● **What you will do**: Set down exactly the lines below, starting at the one that contains "#89=IFCINDEXEDPOLYGONALFACE((2,6,8,4));" and ending at the one that contains "#101=IFCINDEXEDPOLYGONALFACE((22,24,28,26));", with both of those lines included and nothing else.

● **Available data**:

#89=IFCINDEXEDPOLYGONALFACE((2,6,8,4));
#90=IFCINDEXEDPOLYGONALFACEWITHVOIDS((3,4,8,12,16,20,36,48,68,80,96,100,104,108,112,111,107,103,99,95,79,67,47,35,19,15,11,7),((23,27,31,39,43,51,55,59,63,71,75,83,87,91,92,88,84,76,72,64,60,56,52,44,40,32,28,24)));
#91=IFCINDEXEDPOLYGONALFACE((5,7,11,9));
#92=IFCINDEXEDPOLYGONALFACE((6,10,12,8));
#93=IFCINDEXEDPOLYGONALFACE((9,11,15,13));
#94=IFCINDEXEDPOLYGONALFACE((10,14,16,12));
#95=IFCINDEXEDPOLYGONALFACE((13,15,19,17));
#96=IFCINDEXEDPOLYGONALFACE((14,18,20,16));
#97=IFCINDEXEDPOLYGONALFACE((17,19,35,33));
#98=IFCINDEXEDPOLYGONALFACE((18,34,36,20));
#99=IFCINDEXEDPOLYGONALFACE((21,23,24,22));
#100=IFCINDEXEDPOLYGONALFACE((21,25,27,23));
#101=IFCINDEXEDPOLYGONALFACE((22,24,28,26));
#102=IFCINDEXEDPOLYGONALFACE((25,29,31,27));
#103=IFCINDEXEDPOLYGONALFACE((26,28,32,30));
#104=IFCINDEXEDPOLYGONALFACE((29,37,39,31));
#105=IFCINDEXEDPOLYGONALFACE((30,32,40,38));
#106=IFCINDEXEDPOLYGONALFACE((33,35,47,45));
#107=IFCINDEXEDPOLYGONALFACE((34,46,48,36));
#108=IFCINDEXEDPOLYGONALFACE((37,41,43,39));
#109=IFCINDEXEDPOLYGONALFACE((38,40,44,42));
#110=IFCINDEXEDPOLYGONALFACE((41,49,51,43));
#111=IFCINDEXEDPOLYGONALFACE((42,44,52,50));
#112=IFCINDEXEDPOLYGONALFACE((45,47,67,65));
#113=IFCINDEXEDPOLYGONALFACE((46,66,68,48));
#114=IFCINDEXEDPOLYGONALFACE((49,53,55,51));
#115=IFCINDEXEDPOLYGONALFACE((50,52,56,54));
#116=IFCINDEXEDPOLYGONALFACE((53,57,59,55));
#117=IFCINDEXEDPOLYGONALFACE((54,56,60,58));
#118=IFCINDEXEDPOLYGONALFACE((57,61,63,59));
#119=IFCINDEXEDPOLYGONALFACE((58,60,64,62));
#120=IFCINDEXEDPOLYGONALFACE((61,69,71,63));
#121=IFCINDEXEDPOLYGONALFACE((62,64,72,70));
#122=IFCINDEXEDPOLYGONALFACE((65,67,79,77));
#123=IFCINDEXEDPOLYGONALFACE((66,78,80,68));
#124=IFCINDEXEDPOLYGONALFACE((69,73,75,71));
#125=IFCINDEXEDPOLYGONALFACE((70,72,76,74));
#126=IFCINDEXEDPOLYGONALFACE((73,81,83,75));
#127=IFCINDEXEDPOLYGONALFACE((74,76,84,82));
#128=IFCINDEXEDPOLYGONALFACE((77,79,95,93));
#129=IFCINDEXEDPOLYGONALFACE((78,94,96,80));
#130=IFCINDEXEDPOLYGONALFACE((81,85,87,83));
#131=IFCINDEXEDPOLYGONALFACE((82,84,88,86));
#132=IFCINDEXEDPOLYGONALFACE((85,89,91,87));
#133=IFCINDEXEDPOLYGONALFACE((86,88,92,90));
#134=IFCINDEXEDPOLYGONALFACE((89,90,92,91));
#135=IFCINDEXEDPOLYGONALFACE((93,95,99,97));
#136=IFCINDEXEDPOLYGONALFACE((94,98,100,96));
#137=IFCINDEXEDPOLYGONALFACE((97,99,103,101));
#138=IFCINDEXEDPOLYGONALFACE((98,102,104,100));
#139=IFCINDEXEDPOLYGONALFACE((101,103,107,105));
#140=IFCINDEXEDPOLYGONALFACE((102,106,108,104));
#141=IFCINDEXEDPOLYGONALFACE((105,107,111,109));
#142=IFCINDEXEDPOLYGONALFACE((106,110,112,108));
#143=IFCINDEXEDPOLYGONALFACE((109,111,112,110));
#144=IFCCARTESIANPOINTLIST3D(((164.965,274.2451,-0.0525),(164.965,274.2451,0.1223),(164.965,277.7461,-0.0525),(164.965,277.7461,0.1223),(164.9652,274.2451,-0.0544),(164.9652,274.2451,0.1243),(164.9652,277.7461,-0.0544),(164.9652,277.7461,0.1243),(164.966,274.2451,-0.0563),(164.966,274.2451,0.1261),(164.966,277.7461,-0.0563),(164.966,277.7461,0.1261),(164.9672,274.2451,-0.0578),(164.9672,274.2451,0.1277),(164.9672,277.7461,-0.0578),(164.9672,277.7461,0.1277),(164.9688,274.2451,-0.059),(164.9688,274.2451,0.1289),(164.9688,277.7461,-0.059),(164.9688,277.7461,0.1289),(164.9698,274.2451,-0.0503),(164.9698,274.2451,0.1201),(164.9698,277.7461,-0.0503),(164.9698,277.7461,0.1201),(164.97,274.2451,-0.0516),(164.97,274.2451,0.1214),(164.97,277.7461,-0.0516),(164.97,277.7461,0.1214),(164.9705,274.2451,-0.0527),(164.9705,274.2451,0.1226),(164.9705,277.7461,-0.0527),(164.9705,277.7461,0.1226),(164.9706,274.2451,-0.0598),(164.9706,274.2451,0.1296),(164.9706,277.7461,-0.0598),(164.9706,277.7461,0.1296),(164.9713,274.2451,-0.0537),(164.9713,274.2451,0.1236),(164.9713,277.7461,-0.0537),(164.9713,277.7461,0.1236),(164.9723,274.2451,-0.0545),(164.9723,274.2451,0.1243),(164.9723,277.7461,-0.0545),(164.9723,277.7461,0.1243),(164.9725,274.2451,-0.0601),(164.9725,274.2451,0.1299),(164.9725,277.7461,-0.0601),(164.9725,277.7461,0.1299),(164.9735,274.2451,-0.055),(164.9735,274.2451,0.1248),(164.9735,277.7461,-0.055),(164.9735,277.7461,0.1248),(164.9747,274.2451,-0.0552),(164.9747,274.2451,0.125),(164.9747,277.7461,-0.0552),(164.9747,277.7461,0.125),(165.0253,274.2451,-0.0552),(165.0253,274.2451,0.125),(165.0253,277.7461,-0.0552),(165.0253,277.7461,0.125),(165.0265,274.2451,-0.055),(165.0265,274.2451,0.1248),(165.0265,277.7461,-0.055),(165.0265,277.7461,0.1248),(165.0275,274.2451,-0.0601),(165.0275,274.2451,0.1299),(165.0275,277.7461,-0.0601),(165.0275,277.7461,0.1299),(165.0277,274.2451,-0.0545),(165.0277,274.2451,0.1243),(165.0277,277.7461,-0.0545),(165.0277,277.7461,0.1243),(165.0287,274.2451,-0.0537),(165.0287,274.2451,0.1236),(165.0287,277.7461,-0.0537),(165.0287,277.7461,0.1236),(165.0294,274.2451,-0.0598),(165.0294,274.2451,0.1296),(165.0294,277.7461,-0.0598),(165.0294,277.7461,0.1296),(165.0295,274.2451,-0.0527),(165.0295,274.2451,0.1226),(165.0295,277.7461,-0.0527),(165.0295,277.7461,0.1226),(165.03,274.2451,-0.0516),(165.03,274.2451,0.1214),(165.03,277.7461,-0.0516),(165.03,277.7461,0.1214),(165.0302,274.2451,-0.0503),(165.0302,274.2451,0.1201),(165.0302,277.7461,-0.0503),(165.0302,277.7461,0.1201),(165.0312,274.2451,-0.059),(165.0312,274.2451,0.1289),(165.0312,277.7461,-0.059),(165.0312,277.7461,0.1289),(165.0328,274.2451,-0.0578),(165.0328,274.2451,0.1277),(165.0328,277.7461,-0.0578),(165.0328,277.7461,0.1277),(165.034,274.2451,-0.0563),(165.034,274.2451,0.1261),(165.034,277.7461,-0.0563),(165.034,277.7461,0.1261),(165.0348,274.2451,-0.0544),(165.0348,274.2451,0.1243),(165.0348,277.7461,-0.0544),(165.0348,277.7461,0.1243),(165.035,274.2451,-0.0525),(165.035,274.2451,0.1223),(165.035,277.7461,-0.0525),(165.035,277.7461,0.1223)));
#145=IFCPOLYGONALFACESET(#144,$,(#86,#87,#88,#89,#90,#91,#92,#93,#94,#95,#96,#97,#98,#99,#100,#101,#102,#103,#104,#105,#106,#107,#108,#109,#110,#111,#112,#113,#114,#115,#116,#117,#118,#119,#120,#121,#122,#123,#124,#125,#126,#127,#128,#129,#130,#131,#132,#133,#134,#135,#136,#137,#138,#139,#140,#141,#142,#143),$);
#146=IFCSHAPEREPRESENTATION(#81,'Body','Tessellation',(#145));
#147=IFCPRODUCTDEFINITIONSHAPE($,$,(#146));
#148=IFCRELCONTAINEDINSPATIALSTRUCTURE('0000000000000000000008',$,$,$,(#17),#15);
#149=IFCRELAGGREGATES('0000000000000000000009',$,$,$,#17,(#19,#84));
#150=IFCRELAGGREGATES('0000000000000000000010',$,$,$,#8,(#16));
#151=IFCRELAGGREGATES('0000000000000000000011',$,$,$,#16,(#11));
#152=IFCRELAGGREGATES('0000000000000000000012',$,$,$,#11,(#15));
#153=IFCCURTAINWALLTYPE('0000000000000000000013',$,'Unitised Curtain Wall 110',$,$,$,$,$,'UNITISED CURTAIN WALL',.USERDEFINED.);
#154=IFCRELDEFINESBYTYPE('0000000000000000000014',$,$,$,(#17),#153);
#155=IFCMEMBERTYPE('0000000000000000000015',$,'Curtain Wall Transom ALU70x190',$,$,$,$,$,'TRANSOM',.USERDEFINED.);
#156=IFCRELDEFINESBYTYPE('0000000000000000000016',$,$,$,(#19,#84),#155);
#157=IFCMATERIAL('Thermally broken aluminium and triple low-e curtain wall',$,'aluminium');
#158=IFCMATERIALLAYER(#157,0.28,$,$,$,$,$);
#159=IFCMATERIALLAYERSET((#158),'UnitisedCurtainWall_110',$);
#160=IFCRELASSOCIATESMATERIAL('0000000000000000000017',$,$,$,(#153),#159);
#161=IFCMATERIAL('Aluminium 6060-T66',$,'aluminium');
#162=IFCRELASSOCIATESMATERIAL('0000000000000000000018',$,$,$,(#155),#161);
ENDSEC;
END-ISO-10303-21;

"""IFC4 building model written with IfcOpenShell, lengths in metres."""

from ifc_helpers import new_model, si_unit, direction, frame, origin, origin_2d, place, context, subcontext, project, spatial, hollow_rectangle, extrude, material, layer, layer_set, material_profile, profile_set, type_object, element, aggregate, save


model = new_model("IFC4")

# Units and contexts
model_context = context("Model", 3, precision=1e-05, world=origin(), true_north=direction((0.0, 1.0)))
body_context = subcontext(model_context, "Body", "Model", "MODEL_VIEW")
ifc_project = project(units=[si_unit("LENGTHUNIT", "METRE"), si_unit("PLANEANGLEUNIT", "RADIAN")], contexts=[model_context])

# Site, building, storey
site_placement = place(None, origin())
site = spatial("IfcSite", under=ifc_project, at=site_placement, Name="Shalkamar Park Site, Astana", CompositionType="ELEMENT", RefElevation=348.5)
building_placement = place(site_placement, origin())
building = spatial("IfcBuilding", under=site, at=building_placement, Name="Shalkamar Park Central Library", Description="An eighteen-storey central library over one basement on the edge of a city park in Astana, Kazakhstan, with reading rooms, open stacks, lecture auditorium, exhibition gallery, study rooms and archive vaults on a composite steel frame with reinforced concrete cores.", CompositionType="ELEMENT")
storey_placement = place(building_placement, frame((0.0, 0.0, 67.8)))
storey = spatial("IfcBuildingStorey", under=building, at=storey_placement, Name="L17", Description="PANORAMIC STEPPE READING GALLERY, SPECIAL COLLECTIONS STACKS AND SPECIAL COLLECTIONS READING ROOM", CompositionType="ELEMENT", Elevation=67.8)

==

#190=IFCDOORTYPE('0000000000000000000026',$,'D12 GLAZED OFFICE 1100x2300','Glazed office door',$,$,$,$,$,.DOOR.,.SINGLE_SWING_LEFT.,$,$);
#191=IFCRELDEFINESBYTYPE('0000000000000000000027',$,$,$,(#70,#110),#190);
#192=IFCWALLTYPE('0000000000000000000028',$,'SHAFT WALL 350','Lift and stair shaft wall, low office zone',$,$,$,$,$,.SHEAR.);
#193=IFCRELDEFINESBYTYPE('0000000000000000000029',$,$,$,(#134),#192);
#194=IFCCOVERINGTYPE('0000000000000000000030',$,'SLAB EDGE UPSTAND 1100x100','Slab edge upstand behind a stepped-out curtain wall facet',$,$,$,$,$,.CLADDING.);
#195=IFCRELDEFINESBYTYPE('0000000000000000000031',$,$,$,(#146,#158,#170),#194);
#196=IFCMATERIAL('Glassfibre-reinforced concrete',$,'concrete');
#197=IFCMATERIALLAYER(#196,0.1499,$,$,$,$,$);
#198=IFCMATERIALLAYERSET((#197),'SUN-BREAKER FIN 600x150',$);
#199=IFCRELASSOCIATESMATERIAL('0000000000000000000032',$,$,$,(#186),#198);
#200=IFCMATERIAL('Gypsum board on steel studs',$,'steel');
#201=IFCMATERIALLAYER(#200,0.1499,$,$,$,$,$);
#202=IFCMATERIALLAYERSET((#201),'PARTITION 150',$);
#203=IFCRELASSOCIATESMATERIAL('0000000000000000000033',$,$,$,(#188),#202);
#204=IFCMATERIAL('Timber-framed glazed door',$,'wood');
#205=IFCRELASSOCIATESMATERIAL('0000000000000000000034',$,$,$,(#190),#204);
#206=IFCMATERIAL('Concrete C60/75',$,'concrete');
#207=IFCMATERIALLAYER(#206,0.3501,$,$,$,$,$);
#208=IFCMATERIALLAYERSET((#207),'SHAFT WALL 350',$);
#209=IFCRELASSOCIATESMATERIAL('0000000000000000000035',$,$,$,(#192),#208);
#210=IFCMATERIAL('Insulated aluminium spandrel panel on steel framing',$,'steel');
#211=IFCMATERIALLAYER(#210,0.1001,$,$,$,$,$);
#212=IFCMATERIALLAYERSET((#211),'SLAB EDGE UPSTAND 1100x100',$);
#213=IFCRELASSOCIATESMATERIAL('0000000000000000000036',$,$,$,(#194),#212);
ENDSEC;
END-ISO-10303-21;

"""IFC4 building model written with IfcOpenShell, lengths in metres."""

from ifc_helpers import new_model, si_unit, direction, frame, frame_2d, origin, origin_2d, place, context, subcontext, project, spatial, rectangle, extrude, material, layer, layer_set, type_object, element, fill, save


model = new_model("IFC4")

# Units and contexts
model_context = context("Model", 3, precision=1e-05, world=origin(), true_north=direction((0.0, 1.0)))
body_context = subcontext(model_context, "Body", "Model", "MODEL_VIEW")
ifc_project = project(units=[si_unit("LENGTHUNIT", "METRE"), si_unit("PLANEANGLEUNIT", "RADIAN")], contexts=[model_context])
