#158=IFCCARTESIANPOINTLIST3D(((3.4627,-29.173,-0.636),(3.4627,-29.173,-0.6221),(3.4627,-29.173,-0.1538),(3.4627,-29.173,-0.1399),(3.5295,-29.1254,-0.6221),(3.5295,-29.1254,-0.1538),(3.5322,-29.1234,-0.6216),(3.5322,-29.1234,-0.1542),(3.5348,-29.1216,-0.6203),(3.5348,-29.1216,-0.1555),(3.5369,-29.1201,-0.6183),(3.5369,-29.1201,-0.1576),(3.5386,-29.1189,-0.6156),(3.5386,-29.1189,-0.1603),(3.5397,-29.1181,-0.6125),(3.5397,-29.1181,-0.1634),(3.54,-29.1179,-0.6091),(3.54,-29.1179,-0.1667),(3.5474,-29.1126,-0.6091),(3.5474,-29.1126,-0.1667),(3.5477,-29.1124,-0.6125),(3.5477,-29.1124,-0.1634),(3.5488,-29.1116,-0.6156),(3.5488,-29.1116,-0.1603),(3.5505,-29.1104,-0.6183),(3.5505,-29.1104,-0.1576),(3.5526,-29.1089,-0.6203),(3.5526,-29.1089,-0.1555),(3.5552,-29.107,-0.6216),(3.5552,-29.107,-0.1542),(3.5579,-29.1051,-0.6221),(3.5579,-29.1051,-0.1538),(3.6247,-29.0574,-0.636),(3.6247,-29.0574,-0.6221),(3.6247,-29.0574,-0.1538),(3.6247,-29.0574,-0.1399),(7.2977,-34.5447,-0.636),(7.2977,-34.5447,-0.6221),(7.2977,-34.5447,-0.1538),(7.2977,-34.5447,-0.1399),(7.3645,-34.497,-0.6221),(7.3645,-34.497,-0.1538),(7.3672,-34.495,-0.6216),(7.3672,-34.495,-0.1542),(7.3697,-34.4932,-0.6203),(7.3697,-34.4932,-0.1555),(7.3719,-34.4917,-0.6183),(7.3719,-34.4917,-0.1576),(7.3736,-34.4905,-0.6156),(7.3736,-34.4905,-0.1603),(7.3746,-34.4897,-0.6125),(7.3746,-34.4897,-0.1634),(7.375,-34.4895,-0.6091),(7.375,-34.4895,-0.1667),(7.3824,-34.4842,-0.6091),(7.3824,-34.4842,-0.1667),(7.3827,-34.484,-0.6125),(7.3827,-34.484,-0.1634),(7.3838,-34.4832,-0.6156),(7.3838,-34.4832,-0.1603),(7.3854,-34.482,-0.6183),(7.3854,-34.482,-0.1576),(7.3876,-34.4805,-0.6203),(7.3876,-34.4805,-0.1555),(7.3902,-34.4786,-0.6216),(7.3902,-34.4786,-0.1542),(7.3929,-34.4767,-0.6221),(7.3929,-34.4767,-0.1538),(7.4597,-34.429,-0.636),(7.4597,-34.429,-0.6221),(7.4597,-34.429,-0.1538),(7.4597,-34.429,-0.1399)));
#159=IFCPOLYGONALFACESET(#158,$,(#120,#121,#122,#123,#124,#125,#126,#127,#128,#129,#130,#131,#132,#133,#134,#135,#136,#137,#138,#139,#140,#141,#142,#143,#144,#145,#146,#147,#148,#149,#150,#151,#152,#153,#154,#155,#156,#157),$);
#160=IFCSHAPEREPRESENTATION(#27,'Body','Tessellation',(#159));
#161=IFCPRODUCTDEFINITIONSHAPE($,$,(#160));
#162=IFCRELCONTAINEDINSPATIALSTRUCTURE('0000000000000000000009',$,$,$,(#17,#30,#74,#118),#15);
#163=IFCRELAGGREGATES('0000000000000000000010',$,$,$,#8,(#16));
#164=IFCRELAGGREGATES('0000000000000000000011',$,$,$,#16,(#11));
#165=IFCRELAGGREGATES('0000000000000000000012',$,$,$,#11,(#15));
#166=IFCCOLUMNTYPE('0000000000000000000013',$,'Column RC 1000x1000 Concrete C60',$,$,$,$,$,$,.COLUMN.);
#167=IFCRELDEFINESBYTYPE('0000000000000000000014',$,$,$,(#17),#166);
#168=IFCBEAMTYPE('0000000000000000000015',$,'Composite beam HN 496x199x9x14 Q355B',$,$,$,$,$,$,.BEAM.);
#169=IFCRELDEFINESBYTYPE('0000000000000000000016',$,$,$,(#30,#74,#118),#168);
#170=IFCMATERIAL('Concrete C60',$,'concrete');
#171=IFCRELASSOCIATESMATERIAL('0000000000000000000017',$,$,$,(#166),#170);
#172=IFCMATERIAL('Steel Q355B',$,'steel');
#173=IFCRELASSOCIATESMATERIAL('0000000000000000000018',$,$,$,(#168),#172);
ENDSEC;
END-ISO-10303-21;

● **Response box**:
#89=IFCINDEXEDPOLYGONALFACE((2,6,8,4));
#90=IFCINDEXEDPOLYGONALFACEWITHVOIDS((3,4,8,12,16,20,36,48,68,80,96,100,104,108,112,111,107,103,99,95,79,67,47,35,19,15,11,7),((23,27,31,39,43,51,55,59,63,71,75,83,87,91,92,88,84,76,72,64,60,56,52,44,40,32,28,24)));
#91=IFCINDEXEDPOLYGONALFACE((5,7,11,9));
#92=IFCINDEXEDPOLYGONALFACE((6,10,12,8));
#93=IFCINDEXEDPOLYGONALFACE((9,11,15,13));
#94=IFCINDEXEDPOLYGONALFACE((10,14,16,12));
#95=IFCINDEXEDPOLYGONALFACE((13,15,19,17));
#96=IFCINDEXEDPOLYGONALFACE((14,18,20,16));
#97=IFCINDEXEDPOLYGONALFACE((17,19,35,33));
#98=IFCINDEXEDPOLYGONALFACE((18,34,36,20));
#99=IFCINDEXEDPOLYGONALFACE((21,23,24,22));
#100=IFCINDEXEDPOLYGONALFACE((21,25,27,23));
#101=IFCINDEXEDPOLYGONALFACE((22,24,28,26));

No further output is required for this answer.